== WORK REQUEST ==
In the listing below, the answer starts at the line that has "#193=IFCMATERIAL('Aluminium framed curtain" and stops after the line that has "element, aggregate, save"; please repeat that part exactly and nothing more.

STORED DATA START

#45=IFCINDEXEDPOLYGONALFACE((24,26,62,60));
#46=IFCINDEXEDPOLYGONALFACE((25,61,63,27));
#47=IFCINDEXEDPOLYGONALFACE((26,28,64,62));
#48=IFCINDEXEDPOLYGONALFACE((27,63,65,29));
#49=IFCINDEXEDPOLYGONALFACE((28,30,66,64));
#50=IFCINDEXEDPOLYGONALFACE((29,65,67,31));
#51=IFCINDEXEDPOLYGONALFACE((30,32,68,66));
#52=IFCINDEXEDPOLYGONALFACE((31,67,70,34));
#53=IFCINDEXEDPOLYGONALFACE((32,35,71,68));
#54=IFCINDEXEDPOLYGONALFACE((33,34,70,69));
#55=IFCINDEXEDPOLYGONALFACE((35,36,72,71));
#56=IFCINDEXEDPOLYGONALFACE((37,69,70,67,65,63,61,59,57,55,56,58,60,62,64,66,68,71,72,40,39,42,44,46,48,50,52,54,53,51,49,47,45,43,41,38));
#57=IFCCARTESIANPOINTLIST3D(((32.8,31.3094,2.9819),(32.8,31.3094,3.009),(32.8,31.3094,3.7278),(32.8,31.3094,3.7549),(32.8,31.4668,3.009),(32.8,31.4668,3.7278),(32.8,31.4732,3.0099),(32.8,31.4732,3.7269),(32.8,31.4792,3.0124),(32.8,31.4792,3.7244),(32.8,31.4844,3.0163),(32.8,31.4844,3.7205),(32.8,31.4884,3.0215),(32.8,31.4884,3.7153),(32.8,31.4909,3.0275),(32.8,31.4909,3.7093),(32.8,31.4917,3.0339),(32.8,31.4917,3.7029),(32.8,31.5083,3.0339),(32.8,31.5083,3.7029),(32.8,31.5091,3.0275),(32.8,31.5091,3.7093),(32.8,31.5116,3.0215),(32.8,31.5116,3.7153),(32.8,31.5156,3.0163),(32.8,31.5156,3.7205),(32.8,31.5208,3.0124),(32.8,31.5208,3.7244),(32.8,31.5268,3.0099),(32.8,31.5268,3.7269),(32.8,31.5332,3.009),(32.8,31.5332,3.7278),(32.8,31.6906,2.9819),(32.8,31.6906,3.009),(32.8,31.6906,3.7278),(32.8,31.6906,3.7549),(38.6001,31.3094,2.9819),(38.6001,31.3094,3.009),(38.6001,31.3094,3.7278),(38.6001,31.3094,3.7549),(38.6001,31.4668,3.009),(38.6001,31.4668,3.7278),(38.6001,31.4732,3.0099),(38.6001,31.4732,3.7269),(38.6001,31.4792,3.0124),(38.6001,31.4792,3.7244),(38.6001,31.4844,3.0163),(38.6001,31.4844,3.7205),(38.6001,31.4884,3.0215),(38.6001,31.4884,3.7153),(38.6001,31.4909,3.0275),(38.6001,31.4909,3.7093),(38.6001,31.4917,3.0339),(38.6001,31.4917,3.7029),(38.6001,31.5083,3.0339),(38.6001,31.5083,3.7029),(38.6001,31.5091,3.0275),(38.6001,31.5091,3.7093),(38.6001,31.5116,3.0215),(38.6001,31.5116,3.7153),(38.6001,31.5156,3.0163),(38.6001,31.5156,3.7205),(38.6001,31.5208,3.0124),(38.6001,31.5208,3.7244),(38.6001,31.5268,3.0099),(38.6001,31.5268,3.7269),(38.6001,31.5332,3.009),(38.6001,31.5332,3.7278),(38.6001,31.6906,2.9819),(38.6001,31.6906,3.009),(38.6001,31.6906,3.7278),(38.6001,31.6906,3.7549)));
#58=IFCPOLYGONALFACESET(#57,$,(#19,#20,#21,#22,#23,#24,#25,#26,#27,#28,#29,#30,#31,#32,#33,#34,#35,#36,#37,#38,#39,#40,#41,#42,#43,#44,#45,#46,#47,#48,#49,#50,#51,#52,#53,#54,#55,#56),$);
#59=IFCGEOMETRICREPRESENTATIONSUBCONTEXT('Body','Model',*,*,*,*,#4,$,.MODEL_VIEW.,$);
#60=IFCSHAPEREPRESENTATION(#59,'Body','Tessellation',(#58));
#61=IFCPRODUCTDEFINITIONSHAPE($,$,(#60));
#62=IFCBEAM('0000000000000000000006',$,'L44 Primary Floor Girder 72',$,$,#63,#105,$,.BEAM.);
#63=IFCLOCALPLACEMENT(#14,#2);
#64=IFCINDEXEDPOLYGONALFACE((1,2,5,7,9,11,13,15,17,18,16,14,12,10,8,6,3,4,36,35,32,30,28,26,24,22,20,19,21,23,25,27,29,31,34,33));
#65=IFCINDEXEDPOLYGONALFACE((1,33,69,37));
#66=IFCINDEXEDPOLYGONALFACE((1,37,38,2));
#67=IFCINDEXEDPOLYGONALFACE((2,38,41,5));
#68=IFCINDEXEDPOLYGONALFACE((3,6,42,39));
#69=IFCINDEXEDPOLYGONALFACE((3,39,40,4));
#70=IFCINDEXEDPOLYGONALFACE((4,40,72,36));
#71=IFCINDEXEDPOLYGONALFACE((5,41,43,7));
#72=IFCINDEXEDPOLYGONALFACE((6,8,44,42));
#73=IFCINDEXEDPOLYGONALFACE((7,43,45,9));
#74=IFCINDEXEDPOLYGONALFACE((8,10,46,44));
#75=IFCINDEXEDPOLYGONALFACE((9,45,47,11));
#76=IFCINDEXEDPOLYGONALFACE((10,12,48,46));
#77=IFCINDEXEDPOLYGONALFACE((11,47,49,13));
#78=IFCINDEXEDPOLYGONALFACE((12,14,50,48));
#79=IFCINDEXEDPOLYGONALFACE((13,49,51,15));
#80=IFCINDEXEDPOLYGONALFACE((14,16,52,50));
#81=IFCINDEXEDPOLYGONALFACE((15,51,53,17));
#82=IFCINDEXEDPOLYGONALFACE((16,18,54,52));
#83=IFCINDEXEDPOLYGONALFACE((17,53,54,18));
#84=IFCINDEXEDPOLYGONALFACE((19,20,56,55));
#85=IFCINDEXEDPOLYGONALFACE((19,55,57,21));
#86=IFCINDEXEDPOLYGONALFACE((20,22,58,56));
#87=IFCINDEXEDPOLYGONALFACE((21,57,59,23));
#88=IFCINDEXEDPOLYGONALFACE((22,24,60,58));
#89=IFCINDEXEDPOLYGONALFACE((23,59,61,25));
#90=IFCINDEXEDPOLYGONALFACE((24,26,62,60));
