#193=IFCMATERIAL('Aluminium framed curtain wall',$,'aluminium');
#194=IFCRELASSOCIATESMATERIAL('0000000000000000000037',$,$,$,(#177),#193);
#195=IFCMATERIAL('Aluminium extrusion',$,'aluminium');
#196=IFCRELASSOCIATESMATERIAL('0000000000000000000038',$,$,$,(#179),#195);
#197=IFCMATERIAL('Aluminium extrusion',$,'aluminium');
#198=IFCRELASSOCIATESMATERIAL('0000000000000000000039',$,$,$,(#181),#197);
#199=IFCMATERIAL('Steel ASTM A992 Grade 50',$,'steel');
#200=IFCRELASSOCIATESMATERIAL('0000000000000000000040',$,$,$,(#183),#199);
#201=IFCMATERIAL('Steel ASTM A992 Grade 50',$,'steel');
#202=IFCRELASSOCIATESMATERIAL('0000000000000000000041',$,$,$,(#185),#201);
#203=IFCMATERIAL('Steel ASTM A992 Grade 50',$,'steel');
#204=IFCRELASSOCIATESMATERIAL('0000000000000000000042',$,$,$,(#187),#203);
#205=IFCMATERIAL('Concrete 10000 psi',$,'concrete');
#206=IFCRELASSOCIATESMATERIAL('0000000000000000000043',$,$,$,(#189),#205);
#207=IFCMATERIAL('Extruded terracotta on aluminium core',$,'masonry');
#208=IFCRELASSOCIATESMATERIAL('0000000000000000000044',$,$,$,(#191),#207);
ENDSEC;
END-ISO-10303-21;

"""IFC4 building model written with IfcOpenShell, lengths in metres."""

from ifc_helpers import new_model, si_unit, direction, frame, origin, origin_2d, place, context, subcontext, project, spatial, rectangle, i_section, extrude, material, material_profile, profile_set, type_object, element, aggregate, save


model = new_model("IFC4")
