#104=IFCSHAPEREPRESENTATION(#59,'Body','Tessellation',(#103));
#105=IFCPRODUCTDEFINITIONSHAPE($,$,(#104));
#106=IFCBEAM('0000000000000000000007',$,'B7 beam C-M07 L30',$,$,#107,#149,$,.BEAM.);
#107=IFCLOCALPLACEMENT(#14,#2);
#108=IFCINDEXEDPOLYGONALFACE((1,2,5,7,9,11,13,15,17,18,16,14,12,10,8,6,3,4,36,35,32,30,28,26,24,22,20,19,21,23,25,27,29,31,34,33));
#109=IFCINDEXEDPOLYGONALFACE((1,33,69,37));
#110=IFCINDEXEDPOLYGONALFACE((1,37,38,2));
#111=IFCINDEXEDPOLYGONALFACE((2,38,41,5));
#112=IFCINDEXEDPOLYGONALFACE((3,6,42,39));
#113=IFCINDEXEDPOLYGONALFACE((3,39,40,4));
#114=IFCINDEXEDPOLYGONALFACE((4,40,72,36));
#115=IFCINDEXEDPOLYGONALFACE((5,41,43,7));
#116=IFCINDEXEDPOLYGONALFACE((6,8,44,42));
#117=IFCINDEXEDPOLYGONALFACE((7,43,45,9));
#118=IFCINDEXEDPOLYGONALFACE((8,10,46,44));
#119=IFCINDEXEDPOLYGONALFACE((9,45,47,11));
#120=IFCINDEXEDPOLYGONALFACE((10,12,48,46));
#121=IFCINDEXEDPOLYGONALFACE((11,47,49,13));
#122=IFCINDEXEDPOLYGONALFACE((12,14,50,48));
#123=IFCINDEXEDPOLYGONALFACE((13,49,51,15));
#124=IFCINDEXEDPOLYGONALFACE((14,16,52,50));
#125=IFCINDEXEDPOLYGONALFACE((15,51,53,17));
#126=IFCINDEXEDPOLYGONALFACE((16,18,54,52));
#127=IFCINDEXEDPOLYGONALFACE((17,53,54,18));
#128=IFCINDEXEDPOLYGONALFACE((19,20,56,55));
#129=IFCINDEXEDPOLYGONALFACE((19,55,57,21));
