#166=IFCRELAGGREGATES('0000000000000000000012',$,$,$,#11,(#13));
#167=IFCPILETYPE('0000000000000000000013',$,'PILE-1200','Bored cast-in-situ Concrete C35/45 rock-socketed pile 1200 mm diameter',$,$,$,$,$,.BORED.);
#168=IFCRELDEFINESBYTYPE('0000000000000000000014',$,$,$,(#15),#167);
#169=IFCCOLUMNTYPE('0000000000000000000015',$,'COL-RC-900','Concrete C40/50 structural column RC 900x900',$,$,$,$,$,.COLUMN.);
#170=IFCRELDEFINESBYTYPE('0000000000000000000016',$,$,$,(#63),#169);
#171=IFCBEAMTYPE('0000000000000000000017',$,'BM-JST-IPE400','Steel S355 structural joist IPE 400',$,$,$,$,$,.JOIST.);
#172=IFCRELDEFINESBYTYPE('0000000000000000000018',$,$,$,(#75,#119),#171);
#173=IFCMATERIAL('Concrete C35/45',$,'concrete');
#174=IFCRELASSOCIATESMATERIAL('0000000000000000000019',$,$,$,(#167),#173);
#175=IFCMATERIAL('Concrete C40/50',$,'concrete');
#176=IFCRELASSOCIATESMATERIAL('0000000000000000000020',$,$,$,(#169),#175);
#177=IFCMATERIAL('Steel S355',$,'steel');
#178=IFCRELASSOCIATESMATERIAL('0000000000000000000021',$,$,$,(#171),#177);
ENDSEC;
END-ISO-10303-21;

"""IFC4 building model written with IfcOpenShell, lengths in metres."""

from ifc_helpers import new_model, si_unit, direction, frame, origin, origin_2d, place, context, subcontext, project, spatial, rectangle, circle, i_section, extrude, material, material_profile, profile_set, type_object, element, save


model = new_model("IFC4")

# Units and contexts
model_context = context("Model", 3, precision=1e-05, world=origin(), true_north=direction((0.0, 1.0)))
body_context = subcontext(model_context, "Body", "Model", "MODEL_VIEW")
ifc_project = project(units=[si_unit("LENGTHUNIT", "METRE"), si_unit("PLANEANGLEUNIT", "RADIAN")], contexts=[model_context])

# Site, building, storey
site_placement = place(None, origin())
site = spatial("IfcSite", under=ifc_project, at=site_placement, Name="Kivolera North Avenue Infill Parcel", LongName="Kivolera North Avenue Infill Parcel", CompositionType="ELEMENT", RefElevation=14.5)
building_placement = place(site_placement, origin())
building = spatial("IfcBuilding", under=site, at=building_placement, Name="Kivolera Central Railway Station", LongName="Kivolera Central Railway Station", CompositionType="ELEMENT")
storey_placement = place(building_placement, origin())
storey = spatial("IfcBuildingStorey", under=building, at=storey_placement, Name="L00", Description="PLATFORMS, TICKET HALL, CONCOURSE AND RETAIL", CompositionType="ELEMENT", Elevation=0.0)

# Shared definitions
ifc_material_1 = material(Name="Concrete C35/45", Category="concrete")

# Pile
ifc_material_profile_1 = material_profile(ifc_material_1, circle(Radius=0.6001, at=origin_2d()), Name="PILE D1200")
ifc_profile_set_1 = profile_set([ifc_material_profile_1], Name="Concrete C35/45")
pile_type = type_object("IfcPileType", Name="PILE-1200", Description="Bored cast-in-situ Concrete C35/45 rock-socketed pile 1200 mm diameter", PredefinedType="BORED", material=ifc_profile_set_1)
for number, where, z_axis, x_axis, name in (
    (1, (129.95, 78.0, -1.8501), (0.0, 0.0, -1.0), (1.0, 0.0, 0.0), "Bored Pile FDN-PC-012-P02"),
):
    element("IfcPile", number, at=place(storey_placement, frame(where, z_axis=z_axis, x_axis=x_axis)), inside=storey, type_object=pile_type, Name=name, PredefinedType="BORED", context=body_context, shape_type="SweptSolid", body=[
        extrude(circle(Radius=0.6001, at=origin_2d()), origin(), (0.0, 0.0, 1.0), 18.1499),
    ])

STORED DATA END

== TASK OUTPUT ==
#193=IFCMATERIAL('Aluminium framed curtain wall',$,'aluminium');
#194=IFCRELASSOCIATESMATERIAL('0000000000000000000037',$,$,$,(#177),#193);
#195=IFCMATERIAL('Aluminium extrusion',$,'aluminium');
#196=IFCRELASSOCIATESMATERIAL('0000000000000000000038',$,$,$,(#179),#195);
#197=IFCMATERIAL('Aluminium extrusion',$,'aluminium');
#198=IFCRELASSOCIATESMATERIAL('0000000000000000000039',$,$,$,(#181),#197);
#199=IFCMATERIAL('Steel ASTM A992 Grade 50',$,'steel');
#200=IFCRELASSOCIATESMATERIAL('0000000000000000000040',$,$,$,(#183),#199);
#201=IFCMATERIAL('Steel ASTM A992 Grade 50',$,'steel');
#202=IFCRELASSOCIATESMATERIAL('0000000000000000000041',$,$,$,(#185),#201);
#203=IFCMATERIAL('Steel ASTM A992 Grade 50',$,'steel');
#204=IFCRELASSOCIATESMATERIAL('0000000000000000000042',$,$,$,(#187),#203);
#205=IFCMATERIAL('Concrete 10000 psi',$,'concrete');
#206=IFCRELASSOCIATESMATERIAL('0000000000000000000043',$,$,$,(#189),#205);
#207=IFCMATERIAL('Extruded terracotta on aluminium core',$,'masonry');
#208=IFCRELASSOCIATESMATERIAL('0000000000000000000044',$,$,$,(#191),#207);
ENDSEC;
END-ISO-10303-21;

"""IFC4 building model written with IfcOpenShell, lengths in metres."""

from ifc_helpers import new_model, si_unit, direction, frame, origin, origin_2d, place, context, subcontext, project, spatial, rectangle, i_section, extrude, material, material_profile, profile_set, type_object, element, aggregate, save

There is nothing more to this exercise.